━━━━━ DATA EXTRACTS

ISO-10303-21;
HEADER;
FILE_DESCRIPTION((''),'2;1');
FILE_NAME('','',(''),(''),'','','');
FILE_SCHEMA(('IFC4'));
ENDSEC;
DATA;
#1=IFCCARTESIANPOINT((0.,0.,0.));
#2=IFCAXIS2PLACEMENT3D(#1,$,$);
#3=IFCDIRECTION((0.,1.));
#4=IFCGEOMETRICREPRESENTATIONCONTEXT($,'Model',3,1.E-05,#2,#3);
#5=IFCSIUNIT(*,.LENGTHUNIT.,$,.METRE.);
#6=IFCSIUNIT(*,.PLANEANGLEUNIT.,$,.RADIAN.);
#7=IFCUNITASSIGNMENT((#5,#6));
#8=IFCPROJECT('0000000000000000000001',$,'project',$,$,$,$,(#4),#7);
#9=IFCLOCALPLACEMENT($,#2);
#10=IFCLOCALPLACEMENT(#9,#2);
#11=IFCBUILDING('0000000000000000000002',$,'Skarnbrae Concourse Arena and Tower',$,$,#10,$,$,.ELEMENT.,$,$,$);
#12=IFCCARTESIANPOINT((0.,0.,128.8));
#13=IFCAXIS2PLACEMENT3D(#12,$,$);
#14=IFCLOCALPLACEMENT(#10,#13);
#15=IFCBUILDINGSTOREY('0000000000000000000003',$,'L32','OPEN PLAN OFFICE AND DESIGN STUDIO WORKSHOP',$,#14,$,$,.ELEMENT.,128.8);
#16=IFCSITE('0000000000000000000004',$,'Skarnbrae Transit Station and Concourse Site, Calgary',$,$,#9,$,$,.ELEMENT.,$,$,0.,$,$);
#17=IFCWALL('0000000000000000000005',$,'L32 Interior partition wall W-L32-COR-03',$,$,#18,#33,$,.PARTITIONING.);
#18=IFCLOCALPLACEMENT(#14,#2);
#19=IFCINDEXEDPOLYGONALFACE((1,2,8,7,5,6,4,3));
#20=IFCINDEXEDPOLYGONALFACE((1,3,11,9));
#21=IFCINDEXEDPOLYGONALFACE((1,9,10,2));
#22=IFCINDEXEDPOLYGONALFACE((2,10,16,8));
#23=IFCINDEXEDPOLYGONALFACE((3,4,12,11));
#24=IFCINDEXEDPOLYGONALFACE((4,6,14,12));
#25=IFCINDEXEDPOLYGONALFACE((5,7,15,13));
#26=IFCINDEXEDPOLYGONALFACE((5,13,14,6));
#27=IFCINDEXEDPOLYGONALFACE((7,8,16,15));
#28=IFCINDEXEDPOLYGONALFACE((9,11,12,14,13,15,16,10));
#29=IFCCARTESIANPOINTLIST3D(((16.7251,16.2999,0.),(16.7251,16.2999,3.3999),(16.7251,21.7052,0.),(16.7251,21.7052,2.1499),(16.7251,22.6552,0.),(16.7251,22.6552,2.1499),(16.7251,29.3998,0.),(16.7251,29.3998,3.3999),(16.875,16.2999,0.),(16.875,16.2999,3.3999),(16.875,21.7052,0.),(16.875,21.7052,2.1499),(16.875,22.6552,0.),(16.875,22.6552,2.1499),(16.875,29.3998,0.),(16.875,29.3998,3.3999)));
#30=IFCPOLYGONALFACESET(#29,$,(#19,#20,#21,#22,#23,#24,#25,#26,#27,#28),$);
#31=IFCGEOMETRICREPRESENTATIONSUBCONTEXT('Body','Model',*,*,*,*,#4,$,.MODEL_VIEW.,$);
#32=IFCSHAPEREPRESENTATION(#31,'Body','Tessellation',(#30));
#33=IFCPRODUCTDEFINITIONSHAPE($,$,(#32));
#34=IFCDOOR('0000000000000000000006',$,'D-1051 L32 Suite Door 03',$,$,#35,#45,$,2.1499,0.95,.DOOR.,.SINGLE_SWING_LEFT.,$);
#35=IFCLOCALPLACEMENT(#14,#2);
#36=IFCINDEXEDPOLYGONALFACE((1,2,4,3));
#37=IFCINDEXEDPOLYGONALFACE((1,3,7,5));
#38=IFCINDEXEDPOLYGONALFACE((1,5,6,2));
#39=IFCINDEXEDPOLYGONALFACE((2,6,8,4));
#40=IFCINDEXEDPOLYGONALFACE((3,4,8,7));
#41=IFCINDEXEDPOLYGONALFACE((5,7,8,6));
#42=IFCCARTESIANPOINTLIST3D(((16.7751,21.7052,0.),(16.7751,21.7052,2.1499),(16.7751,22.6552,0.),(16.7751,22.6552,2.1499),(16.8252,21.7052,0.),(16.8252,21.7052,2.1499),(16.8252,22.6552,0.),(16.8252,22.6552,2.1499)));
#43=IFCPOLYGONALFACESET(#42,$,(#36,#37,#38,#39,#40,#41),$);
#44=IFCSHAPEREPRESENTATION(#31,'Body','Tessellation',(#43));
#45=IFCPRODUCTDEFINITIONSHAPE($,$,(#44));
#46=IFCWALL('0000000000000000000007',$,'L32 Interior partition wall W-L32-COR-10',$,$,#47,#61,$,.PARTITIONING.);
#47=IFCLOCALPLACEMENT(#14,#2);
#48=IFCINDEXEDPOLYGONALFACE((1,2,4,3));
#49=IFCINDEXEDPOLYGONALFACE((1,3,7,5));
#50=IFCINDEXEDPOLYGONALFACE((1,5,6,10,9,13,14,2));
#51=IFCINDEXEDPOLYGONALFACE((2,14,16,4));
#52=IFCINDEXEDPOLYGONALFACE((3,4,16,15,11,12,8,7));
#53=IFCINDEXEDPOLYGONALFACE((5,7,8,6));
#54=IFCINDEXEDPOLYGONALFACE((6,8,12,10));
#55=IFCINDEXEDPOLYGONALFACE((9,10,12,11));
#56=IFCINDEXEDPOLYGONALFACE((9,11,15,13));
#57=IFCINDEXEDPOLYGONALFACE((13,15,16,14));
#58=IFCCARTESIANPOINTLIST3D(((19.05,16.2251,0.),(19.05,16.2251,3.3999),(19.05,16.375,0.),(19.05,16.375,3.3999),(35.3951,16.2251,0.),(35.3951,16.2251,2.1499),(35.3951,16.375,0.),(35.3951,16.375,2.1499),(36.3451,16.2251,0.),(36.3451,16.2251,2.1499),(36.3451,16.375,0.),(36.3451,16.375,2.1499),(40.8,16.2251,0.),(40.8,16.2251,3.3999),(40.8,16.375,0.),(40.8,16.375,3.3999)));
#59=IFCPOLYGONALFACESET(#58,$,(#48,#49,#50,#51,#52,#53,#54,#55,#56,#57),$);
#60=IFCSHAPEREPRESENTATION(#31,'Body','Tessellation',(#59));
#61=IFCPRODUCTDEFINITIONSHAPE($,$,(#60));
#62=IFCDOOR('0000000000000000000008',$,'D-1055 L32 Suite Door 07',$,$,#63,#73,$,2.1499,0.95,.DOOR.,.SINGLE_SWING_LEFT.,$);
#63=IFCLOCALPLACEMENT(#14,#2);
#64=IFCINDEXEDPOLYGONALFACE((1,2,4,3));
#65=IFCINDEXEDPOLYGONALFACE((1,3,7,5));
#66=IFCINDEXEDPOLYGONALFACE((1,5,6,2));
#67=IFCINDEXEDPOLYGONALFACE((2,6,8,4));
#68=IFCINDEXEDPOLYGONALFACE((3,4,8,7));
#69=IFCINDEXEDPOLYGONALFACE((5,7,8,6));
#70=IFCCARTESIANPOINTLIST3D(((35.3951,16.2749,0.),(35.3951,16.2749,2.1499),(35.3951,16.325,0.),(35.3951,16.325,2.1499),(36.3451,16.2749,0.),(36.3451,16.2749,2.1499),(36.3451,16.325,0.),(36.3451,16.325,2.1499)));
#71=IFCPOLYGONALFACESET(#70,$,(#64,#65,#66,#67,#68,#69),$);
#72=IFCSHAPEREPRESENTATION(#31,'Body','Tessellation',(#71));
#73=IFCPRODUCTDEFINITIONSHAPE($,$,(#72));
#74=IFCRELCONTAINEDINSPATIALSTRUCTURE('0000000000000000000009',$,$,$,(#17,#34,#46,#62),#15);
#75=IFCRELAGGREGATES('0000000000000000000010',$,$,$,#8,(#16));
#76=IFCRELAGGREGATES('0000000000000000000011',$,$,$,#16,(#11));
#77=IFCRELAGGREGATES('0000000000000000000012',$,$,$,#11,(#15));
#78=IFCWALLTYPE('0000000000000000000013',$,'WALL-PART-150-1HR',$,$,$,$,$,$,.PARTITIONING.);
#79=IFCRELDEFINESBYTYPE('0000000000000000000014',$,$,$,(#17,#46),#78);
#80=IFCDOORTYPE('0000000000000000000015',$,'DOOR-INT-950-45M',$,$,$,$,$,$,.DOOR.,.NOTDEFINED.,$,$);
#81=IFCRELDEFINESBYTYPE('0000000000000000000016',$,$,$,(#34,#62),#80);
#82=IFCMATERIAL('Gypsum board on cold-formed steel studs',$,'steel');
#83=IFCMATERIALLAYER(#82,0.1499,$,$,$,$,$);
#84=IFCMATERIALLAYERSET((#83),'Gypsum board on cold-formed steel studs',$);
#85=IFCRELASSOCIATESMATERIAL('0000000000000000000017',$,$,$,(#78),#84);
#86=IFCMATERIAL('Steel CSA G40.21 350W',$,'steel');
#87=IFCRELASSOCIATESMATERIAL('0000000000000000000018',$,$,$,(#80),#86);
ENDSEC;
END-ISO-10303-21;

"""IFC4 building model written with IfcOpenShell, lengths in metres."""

from ifc_helpers import new_model, si_unit, direction, frame, frame_2d, origin, place, context, subcontext, project, spatial, rectangle, extrude, source, transform, mapped, material, layer, layer_set, type_object, element, fill, save


model = new_model("IFC4")

# Units and contexts
model_context = context("Model", 3, precision=1e-05, world=origin(), true_north=direction((0.0, 1.0)))
body_context = subcontext(model_context, "Body", "Model", "MODEL_VIEW")
ifc_project = project(units=[si_unit("LENGTHUNIT", "METRE"), si_unit("PLANEANGLEUNIT", "RADIAN")], contexts=[model_context])

# Site, building, storey
site_placement = place(None, origin())
site = spatial("IfcSite", under=ifc_project, at=site_placement, Name="Skarnbrae Transit Station and Concourse Site, Calgary", CompositionType="ELEMENT", RefElevation=0.0)
building_placement = place(site_placement, origin())
building = spatial("IfcBuilding", under=site, at=building_placement, Name="Skarnbrae Concourse Arena and Tower", CompositionType="ELEMENT")
storey_placement = place(building_placement, frame((0.0, 0.0, 128.8)))
storey = spatial("IfcBuildingStorey", under=building, at=storey_placement, Name="L32", Description="OPEN PLAN OFFICE AND DESIGN STUDIO WORKSHOP", CompositionType="ELEMENT", Elevation=128.8)

# Shared definitions
ifc_material_1 = material(Name="Steel CSA G40.21 350W", Category="steel")

# Shared definitions
ifc_material_2 = material(Name="Gypsum board on cold-formed steel studs", Category="steel")

# Walls, openings, doors
ifc_layer_1 = layer(ifc_material_2, 0.1499)
ifc_layer_set_1 = layer_set([ifc_layer_1], Name="Gypsum board on cold-formed steel studs")
wall_type_1 = type_object("IfcWallType", Name="WALL-PART-150-1HR", PredefinedType="PARTITIONING", material=ifc_layer_set_1)
shared_shape_1 = source(origin(), body_context, "Body", "SweptSolid", [
    extrude(rectangle(XDim=13.0999, YDim=0.1499, at=frame_2d((6.5498, 0.0))), origin(), (0.0, 0.0, 1.0), 3.3999),
])
wall_1_placement = place(storey_placement, frame((16.8, 16.3, 0.0), z_axis=(0.0, 0.0, 1.0), x_axis=(0.0, 1.0, 0.0)))
wall_1 = element("IfcWall", 1, at=wall_1_placement, inside=storey, type_object=wall_type_1, Name="L32 Interior partition wall W-L32-COR-03", PredefinedType="PARTITIONING", context=body_context, shape_type="MappedRepresentation", body=[
    mapped(shared_shape_1, transform((0.0, 0.0, 0.0))),
])
opening_1_placement = place(wall_1_placement, frame((5.405, 0.0, 0.0)))
opening_1 = element("IfcOpeningElement", 2, at=opening_1_placement, cuts=wall_1, PredefinedType="OPENING", context=body_context, shape_type="SweptSolid", body=[
    extrude(rectangle(XDim=0.95, YDim=2.1499, at=frame_2d((0.4751, 1.075))), frame((0.0, 0.085, 0.0), z_axis=(0.0, -1.0, 0.0), x_axis=(1.0, 0.0, 0.0)), (0.0, 0.0, 1.0), 0.1699),
])
door_type_1 = type_object("IfcDoorType", Name="DOOR-INT-950-45M", OperationType="NOTDEFINED", PredefinedType="DOOR", material=ifc_material_1)
shared_shape_2 = source(origin(), body_context, "Body", "SweptSolid", [
    extrude(rectangle(XDim=0.95, YDim=2.1499, at=frame_2d((0.4751, 1.075))), frame((0.0, 0.0249, 0.0), z_axis=(0.0, -1.0, 0.0), x_axis=(1.0, 0.0, 0.0)), (0.0, 0.0, 1.0), 0.05),
])
door_1_placement = place(opening_1_placement, origin())
door_1 = element("IfcDoor", 3, at=door_1_placement, inside=storey, type_object=door_type_1, Name="D-1051 L32 Suite Door 03", OperationType="SINGLE_SWING_LEFT", OverallHeight=2.1499, OverallWidth=0.95, PredefinedType="DOOR", context=body_context, shape_type="MappedRepresentation", body=[
    mapped(shared_shape_2, transform((0.0, 0.0, 0.0))),
])
fill(opening_1, door_1)
shared_shape_3 = source(origin(), body_context, "Body", "SweptSolid", [
    extrude(rectangle(XDim=21.75, YDim=0.1499, at=frame_2d((10.875, 0.0))), origin(), (0.0, 0.0, 1.0), 3.3999),
])
wall_2_placement = place(storey_placement, frame((19.05, 16.3, 0.0), z_axis=(0.0, 0.0, 1.0), x_axis=(1.0, 0.0, 0.0)))
wall_2 = element("IfcWall", 4, at=wall_2_placement, inside=storey, type_object=wall_type_1, Name="L32 Interior partition wall W-L32-COR-10", PredefinedType="PARTITIONING", context=body_context, shape_type="MappedRepresentation", body=[
    mapped(shared_shape_3, transform((0.0, 0.0, 0.0))),
])
opening_2_placement = place(wall_2_placement, frame((16.345, 0.0, 0.0)))
opening_2 = element("IfcOpeningElement", 5, at=opening_2_placement, cuts=wall_2, PredefinedType="OPENING", context=body_context, shape_type="SweptSolid", body=[
    extrude(rectangle(XDim=0.95, YDim=2.1499, at=frame_2d((0.4751, 1.075))), frame((0.0, 0.085, 0.0), z_axis=(0.0, -1.0, 0.0), x_axis=(1.0, 0.0, 0.0)), (0.0, 0.0, 1.0), 0.1699),
])
door_2_placement = place(opening_2_placement, origin())
door_2 = element("IfcDoor", 6, at=door_2_placement, inside=storey, type_object=door_type_1, Name="D-1055 L32 Suite Door 07", OperationType="SINGLE_SWING_LEFT", OverallHeight=2.1499, OverallWidth=0.95, PredefinedType="DOOR", context=body_context, shape_type="MappedRepresentation", body=[
    mapped(shared_shape_2, transform((0.0, 0.0, 0.0))),
])
fill(opening_2, door_2)

save(model, "model.ifc")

━━━━━━━━━━

WHAT YOU SHOULD DO: Output the lines of the records above exactly as they appear, from the line containing "#86=IFCMATERIAL('Steel CSA G40.21" through the line containing "END-ISO-10303-21;".

REPLY:
#86=IFCMATERIAL('Steel CSA G40.21 350W',$,'steel');
#87=IFCRELASSOCIATESMATERIAL('0000000000000000000018',$,$,$,(#80),#86);
ENDSEC;
END-ISO-10303-21;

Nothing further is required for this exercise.